**What you will do**: The lines below starting at the line containing "#105=IFCINDEXEDPOLYGONALFACE((15,51,53,17));" and ending at the line containing "#115=IFCINDEXEDPOLYGONALFACE((25,61,63,27));" are to be repeated exactly, with both ends kept and nothing else added.
##############################
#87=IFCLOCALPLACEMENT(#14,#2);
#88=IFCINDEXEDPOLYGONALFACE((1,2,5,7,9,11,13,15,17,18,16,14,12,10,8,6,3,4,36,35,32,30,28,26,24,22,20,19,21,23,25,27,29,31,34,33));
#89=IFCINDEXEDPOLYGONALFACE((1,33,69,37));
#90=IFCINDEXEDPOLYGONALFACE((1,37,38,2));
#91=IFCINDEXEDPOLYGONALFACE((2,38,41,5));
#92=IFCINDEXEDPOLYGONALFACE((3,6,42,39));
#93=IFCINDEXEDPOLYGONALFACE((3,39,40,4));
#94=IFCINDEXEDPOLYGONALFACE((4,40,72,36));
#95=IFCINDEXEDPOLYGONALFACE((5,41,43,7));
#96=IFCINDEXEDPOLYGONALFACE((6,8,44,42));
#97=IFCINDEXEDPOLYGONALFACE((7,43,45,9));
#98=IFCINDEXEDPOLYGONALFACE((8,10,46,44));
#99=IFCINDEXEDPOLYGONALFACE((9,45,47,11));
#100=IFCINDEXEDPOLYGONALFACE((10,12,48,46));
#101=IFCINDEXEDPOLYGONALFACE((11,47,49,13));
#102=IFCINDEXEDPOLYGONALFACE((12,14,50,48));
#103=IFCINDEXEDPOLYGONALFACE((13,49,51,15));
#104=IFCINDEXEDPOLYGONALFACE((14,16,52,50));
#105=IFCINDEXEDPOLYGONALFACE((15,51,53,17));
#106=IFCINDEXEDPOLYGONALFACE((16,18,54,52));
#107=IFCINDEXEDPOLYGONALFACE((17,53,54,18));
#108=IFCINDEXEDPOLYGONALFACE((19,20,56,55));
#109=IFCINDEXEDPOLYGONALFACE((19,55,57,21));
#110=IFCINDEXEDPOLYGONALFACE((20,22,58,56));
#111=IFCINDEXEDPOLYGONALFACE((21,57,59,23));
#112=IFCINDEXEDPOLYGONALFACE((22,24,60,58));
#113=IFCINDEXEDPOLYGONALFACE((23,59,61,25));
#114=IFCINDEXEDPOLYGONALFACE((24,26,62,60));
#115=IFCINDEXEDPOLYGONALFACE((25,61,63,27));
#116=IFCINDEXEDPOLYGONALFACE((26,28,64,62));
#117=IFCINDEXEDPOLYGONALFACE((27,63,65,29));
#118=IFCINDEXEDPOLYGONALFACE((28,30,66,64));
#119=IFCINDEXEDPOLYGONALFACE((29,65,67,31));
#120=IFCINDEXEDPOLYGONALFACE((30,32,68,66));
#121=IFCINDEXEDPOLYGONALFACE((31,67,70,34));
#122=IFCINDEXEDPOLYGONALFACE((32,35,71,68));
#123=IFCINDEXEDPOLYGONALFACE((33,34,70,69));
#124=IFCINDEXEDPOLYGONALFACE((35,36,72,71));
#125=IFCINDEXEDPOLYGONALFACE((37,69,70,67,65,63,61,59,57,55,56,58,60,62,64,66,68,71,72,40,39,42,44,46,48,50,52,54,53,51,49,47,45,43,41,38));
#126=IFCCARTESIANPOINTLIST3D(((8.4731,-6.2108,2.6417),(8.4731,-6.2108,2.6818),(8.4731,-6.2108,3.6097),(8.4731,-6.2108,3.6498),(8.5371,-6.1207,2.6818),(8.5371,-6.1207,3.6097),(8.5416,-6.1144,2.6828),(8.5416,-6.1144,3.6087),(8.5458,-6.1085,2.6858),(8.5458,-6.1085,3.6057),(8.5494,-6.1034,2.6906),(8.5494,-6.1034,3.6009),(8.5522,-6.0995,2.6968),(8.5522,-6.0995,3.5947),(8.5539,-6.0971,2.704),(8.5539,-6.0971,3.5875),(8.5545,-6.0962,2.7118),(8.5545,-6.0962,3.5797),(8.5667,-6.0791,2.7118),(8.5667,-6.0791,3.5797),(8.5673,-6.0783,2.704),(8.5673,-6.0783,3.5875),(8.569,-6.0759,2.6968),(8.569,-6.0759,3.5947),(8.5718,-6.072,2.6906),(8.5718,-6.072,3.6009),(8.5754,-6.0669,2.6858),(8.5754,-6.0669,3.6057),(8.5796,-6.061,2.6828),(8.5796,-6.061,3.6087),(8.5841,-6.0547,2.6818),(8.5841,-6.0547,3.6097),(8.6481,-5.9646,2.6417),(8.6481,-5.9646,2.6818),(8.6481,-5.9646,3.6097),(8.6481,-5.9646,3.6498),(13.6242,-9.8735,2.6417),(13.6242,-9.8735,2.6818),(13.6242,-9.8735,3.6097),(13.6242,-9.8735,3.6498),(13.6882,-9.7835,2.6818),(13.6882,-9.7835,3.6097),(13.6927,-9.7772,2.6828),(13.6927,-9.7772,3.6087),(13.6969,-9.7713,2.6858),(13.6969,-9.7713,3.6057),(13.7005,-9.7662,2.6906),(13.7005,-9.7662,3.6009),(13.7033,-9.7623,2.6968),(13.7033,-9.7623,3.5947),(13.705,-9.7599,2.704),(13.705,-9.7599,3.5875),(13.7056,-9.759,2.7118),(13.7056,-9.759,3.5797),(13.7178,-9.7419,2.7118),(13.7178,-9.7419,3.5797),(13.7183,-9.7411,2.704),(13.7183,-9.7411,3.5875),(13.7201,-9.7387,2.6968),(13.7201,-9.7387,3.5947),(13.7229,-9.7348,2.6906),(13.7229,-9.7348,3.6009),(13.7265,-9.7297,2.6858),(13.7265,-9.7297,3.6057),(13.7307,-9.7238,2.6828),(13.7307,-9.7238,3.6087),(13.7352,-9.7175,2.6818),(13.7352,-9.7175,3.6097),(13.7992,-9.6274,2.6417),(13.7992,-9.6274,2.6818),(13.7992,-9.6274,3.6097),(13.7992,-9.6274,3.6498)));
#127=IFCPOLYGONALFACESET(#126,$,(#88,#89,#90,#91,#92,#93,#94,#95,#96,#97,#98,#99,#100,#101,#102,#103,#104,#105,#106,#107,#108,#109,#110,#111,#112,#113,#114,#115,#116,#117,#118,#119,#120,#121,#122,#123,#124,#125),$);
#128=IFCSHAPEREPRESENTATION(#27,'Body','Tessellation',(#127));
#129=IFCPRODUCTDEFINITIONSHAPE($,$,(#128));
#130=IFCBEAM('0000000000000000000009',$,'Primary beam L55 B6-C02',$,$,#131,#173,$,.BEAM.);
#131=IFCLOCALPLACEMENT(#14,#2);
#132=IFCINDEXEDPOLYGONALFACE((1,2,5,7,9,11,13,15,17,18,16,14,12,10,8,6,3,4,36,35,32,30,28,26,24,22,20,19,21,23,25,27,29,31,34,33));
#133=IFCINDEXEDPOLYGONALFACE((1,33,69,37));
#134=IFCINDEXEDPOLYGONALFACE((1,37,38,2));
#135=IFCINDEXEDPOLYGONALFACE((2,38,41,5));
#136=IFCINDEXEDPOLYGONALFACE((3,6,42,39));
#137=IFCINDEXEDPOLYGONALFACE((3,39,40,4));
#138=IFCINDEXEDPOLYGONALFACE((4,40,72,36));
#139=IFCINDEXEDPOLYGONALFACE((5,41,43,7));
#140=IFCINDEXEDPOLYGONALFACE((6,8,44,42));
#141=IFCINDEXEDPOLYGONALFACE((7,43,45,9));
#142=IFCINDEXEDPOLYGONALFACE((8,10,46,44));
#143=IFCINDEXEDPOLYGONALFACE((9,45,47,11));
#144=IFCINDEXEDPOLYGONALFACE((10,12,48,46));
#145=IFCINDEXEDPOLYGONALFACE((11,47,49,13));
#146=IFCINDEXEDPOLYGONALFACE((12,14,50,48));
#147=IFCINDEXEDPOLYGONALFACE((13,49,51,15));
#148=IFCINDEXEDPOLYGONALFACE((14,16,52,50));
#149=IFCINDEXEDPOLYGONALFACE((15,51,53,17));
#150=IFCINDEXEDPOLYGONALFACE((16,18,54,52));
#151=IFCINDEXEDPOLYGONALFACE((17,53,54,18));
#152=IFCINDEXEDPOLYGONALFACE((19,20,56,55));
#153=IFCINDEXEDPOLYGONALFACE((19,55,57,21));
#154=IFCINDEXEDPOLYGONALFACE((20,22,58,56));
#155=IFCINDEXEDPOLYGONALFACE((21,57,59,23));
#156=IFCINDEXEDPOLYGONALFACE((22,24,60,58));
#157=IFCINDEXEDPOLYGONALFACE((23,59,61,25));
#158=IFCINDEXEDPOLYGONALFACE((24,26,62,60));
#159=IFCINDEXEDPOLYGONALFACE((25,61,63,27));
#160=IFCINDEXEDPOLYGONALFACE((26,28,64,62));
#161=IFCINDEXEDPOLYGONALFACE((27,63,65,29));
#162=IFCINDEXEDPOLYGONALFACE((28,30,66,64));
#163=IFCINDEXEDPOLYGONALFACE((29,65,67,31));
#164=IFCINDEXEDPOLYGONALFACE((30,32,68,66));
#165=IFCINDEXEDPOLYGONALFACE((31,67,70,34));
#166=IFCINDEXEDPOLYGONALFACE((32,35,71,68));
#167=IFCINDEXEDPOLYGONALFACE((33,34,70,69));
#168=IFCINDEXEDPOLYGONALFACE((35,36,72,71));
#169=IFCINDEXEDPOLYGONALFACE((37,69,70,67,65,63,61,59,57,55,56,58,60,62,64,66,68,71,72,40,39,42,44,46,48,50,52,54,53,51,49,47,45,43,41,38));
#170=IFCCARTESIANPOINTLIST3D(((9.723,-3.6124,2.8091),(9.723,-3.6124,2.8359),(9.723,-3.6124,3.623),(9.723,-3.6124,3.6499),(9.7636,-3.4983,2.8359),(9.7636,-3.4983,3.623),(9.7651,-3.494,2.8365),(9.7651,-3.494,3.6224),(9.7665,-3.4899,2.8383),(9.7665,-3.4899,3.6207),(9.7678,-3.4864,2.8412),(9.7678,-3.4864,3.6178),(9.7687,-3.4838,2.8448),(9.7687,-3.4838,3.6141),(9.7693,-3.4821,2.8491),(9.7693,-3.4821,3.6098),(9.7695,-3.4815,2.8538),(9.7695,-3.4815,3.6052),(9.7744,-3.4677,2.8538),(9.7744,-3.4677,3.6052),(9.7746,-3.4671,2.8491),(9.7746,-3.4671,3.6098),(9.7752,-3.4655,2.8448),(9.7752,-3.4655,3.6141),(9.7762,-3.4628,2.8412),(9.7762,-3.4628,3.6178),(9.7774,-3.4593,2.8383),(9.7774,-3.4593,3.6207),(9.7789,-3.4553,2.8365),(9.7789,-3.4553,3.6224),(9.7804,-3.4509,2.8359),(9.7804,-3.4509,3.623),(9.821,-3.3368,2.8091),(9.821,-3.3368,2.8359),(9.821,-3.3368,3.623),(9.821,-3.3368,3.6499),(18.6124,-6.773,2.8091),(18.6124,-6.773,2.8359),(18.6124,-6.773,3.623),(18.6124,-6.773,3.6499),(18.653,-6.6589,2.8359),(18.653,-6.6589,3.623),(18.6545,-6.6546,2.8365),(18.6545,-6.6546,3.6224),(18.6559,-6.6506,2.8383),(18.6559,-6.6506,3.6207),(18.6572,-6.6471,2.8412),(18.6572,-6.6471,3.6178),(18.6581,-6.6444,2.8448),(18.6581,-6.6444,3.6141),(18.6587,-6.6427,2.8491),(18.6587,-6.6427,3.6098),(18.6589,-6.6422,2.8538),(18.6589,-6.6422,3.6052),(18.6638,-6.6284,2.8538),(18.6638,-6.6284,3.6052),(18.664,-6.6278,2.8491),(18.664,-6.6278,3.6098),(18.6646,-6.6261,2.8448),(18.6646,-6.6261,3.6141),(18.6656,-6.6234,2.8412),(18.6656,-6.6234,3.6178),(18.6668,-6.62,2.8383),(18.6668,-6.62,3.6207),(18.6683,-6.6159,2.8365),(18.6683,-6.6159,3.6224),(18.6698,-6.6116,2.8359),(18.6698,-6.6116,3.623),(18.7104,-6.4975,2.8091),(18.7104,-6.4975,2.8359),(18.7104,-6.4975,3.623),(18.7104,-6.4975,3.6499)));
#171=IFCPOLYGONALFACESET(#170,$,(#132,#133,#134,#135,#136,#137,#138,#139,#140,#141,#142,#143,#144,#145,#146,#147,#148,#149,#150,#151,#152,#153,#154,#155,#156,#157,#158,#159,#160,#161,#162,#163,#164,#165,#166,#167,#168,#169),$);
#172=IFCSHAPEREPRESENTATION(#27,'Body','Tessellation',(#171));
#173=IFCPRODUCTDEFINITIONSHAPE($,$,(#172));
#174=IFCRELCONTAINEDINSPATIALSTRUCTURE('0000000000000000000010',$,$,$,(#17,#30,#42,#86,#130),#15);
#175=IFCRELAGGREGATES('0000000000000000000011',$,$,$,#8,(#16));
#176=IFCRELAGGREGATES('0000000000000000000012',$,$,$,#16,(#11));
##############################
**Answer to this problem**:
#105=IFCINDEXEDPOLYGONALFACE((15,51,53,17));
#106=IFCINDEXEDPOLYGONALFACE((16,18,54,52));
#107=IFCINDEXEDPOLYGONALFACE((17,53,54,18));
#108=IFCINDEXEDPOLYGONALFACE((19,20,56,55));
#109=IFCINDEXEDPOLYGONALFACE((19,55,57,21));
#110=IFCINDEXEDPOLYGONALFACE((20,22,58,56));
#111=IFCINDEXEDPOLYGONALFACE((21,57,59,23));
#112=IFCINDEXEDPOLYGONALFACE((22,24,60,58));
#113=IFCINDEXEDPOLYGONALFACE((23,59,61,25));
#114=IFCINDEXEDPOLYGONALFACE((24,26,62,60));
#115=IFCINDEXEDPOLYGONALFACE((25,61,63,27));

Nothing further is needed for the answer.